* [HOW TO COMPLETE THIS TASK] Report every line of the records below that includes the string "IFCPRODUCTDEFINITIONSHAPE".

* [DATA]
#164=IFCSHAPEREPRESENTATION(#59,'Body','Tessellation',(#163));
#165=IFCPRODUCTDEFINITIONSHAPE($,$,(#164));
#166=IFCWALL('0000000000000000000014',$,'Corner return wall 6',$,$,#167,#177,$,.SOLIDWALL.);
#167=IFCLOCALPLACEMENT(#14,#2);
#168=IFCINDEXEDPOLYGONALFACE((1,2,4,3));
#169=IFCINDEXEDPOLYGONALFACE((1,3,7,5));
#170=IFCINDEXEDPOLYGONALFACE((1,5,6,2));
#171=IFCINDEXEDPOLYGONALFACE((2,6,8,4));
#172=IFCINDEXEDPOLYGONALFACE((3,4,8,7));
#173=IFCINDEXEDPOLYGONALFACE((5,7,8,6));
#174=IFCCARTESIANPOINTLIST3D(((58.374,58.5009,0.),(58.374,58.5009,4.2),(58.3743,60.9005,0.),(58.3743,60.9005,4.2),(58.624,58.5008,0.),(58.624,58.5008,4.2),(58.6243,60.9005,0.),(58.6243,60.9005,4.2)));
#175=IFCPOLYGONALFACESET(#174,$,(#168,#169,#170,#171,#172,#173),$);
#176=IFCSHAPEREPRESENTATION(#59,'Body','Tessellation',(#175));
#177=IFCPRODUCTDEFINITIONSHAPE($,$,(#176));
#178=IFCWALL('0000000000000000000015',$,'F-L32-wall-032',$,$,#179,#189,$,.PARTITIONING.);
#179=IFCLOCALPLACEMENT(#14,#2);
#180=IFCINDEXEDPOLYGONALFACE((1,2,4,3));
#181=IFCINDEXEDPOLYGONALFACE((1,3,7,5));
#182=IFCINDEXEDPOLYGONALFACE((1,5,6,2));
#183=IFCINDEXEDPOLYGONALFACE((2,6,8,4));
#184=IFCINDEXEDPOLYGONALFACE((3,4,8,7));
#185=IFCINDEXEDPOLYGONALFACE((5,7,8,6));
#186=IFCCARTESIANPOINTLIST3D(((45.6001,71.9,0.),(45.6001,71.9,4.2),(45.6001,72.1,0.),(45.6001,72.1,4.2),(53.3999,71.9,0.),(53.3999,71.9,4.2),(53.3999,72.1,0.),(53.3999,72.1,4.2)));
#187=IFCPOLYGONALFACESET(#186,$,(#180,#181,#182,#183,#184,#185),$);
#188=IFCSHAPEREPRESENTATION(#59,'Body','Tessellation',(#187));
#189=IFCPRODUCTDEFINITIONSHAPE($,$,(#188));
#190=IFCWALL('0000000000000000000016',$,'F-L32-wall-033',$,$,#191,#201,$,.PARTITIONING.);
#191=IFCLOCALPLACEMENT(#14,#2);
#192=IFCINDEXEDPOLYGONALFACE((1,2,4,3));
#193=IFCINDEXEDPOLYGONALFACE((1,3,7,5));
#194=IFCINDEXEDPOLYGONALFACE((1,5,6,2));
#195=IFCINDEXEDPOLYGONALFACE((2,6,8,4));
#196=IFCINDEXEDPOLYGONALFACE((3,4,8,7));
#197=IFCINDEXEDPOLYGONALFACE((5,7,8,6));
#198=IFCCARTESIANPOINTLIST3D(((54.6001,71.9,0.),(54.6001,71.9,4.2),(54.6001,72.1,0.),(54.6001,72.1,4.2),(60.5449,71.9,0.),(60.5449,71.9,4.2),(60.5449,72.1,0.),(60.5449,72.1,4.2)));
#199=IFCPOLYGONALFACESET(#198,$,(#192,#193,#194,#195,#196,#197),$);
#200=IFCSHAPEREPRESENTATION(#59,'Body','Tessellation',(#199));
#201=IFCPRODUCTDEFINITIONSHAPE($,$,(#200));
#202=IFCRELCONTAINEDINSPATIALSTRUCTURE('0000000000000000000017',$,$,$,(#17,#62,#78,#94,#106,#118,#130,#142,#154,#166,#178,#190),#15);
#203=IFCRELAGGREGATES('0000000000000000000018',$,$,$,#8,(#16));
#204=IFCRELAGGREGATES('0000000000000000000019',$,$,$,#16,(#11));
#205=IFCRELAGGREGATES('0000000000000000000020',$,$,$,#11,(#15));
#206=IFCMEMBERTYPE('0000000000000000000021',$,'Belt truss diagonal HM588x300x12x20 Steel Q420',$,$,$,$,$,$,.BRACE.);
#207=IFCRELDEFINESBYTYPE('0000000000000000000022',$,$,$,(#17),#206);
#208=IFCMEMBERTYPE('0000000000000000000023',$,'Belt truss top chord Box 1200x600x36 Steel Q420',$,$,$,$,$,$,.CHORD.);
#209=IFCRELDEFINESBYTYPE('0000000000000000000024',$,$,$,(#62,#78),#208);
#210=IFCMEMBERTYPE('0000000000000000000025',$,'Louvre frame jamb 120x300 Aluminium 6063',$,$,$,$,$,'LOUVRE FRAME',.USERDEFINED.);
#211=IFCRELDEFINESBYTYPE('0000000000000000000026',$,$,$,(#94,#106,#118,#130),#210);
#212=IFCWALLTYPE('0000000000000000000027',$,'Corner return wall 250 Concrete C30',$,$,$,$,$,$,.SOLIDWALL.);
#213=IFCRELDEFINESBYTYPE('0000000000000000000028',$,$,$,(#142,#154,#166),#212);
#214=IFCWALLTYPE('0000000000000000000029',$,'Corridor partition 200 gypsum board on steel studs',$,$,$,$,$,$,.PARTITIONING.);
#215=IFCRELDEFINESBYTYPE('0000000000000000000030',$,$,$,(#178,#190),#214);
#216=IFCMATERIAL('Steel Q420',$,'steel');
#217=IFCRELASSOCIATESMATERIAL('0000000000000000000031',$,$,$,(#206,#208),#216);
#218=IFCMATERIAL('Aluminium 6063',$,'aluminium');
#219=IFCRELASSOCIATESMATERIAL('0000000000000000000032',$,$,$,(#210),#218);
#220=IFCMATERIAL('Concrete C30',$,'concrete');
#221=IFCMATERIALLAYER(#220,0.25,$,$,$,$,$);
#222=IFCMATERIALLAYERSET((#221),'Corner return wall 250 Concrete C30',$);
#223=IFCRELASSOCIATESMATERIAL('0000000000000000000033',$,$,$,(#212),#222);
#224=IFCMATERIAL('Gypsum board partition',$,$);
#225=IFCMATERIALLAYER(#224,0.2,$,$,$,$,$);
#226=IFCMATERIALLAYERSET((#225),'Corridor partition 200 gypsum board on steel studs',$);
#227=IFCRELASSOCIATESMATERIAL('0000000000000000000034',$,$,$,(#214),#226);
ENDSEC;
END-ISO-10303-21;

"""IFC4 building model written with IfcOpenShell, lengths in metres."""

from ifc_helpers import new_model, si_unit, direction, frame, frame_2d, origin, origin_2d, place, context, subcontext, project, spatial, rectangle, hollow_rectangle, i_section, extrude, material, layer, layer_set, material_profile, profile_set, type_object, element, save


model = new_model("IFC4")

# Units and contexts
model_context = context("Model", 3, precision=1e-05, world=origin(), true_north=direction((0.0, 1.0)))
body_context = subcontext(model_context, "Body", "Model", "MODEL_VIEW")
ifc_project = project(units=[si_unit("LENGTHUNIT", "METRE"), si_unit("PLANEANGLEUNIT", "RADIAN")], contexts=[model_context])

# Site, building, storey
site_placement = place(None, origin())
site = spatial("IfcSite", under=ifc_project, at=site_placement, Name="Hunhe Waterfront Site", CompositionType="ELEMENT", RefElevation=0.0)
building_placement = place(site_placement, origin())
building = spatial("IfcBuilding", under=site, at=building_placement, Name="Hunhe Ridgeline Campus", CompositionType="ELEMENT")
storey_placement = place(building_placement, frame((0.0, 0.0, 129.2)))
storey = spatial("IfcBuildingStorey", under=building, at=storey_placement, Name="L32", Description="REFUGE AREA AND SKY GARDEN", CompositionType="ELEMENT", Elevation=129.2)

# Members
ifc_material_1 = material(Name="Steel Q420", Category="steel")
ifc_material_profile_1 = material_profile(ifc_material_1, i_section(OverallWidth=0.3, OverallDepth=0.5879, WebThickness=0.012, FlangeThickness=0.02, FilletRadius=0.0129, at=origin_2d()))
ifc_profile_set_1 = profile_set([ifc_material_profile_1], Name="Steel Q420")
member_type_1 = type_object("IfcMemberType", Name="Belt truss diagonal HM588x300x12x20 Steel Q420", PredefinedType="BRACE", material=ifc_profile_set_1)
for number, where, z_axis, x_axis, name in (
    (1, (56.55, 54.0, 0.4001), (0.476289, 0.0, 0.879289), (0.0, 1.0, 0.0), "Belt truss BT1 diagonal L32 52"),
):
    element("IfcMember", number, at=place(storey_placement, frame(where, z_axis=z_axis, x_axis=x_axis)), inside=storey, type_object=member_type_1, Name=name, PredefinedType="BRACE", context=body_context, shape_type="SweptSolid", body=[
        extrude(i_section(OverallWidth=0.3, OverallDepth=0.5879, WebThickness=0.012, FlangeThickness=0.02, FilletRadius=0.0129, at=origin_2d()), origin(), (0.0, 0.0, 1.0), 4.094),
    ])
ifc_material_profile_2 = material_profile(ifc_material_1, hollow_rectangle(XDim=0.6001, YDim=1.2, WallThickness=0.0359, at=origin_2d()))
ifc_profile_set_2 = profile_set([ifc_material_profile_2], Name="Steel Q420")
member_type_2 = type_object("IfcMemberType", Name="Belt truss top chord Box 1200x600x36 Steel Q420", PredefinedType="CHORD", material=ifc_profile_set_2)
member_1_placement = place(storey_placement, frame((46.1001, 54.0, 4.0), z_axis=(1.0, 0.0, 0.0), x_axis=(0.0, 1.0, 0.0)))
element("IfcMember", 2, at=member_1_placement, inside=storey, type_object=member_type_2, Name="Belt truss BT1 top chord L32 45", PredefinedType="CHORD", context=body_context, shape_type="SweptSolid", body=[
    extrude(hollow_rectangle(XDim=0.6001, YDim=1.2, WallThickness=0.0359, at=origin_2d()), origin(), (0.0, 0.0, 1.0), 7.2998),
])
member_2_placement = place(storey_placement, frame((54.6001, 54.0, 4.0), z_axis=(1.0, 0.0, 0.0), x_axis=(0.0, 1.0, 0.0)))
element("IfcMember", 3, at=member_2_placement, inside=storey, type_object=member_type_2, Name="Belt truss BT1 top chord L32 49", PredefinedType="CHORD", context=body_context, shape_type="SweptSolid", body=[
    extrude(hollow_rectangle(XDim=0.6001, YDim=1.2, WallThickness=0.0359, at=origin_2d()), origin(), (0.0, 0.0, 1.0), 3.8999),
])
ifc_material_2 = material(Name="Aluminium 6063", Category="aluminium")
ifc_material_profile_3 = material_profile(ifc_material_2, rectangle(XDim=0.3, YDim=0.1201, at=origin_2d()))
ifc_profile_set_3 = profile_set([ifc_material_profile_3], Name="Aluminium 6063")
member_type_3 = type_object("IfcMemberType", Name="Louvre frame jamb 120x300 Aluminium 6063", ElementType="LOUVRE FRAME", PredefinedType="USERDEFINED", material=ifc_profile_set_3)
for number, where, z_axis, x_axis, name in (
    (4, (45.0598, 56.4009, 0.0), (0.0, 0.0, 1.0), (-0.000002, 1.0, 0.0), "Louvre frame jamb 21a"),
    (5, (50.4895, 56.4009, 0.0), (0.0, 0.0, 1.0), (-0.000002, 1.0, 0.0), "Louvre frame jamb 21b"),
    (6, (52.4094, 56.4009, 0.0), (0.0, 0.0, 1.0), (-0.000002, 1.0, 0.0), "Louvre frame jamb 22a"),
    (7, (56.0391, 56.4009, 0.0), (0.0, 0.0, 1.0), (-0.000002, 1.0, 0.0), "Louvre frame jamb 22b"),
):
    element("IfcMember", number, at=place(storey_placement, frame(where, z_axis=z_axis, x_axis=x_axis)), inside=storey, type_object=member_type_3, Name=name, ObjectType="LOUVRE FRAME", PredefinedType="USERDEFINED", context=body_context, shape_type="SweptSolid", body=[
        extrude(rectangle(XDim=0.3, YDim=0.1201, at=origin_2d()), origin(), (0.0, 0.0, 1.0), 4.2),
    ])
* * *
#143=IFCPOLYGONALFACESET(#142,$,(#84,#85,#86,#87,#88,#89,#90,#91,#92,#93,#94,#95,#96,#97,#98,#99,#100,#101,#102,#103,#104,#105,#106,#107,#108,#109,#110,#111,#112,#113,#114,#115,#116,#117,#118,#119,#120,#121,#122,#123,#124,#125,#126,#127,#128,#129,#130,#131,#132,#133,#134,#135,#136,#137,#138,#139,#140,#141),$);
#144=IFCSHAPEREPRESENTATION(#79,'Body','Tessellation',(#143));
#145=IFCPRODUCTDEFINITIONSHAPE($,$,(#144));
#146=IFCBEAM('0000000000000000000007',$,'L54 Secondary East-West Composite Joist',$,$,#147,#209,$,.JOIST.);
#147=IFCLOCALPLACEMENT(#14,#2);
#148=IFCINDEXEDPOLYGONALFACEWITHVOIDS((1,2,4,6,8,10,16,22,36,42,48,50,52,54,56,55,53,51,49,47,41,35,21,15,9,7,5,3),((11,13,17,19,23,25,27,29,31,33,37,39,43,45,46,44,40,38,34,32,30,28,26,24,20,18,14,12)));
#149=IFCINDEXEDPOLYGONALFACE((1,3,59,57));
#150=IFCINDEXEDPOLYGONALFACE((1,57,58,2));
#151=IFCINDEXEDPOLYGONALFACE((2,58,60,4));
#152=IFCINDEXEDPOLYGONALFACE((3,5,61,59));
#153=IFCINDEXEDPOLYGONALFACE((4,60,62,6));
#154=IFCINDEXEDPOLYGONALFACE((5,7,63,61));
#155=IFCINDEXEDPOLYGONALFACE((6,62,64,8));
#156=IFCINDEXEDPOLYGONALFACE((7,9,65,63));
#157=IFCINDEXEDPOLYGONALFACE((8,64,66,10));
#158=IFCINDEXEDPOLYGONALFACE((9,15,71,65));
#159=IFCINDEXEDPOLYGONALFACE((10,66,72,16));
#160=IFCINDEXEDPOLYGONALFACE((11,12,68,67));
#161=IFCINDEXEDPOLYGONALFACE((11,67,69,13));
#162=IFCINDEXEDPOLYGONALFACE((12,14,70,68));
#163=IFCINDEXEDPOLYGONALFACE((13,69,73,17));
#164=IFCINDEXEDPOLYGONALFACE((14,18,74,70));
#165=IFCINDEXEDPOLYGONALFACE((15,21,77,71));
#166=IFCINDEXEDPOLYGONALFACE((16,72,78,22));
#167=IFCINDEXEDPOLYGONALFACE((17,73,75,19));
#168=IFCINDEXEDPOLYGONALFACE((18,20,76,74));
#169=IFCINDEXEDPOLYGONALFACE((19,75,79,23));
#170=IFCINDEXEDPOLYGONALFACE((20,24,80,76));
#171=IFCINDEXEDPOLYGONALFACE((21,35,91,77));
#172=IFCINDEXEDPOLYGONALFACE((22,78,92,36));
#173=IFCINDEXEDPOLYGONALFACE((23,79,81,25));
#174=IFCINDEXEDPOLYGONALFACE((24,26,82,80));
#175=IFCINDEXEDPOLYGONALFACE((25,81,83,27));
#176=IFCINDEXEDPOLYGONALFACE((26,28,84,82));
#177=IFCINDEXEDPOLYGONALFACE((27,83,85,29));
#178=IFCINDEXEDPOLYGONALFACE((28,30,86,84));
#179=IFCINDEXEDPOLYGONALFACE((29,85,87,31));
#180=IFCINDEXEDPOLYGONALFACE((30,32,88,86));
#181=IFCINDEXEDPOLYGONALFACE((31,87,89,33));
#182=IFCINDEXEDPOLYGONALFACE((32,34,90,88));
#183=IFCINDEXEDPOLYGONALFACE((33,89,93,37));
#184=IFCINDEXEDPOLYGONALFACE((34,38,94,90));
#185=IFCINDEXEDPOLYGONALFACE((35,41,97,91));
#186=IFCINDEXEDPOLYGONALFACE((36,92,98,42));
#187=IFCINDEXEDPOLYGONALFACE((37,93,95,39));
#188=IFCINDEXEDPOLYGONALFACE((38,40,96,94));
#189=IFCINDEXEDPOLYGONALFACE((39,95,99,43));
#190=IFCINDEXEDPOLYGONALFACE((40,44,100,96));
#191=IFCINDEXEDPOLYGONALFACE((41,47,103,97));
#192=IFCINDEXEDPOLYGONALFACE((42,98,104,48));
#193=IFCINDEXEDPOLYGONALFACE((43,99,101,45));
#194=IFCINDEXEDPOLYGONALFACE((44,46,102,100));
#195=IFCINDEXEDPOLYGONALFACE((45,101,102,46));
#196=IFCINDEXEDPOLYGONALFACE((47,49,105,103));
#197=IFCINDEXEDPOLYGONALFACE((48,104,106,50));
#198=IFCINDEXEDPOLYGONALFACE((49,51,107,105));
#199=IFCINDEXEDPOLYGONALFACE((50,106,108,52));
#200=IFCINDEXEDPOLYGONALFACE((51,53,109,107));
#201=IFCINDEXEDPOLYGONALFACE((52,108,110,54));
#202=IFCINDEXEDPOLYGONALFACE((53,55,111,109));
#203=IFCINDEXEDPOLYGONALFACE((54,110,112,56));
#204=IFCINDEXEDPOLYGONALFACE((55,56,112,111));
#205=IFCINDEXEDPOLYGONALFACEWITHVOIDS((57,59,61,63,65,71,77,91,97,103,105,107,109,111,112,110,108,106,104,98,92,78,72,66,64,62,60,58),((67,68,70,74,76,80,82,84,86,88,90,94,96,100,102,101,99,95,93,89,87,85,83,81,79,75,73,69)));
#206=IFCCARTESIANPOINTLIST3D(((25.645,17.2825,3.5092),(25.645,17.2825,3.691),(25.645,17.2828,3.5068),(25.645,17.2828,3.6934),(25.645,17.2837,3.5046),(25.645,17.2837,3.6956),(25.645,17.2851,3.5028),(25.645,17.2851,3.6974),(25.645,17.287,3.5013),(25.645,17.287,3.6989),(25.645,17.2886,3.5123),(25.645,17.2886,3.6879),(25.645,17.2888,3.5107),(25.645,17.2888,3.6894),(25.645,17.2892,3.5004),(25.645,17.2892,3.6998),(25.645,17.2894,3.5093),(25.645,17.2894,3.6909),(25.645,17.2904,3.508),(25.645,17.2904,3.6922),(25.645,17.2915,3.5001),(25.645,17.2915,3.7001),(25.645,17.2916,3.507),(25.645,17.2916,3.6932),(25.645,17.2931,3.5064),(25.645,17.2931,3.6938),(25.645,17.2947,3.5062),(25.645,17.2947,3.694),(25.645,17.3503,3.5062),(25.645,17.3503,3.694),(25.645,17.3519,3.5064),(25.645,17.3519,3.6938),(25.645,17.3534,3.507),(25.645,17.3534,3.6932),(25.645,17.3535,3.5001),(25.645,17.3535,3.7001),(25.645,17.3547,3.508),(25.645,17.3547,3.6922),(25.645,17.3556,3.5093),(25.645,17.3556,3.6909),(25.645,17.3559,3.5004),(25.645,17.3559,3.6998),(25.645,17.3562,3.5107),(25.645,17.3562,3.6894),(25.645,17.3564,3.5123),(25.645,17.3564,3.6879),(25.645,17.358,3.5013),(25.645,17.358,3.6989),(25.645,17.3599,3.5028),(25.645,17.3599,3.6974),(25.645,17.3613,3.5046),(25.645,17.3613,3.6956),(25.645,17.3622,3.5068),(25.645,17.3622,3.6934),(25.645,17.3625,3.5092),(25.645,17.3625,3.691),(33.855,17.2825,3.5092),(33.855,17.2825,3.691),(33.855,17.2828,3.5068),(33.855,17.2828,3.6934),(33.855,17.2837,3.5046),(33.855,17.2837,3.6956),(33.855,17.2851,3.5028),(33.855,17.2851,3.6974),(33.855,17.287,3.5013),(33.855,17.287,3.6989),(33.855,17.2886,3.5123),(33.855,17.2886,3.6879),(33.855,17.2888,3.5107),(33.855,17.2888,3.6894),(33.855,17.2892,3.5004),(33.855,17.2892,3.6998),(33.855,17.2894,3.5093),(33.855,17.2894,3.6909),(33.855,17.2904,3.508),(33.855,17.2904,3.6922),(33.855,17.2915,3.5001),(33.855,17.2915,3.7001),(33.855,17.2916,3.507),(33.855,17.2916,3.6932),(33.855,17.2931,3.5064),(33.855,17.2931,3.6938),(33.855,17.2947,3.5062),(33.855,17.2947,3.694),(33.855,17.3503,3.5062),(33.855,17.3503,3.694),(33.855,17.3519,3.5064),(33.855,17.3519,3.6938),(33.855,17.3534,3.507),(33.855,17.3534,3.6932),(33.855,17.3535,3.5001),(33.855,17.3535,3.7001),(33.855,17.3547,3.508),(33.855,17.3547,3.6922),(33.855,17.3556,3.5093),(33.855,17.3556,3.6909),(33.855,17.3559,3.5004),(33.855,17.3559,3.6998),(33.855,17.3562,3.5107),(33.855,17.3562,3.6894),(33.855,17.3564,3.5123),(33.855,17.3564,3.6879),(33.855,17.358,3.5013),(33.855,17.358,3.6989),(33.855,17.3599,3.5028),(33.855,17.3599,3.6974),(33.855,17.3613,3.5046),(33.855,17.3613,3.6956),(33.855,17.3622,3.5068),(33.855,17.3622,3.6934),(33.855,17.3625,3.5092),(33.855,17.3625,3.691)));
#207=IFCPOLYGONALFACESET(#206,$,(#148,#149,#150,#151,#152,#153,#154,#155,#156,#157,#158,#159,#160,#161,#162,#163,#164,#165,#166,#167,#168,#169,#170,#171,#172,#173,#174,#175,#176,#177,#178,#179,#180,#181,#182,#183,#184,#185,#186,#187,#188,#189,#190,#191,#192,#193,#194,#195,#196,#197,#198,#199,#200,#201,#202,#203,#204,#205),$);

* [RESPONSE AREA]
#165=IFCPRODUCTDEFINITIONSHAPE($,$,(#164));
#177=IFCPRODUCTDEFINITIONSHAPE($,$,(#176));
#189=IFCPRODUCTDEFINITIONSHAPE($,$,(#188));
#201=IFCPRODUCTDEFINITIONSHAPE($,$,(#200));
#145=IFCPRODUCTDEFINITIONSHAPE($,$,(#144));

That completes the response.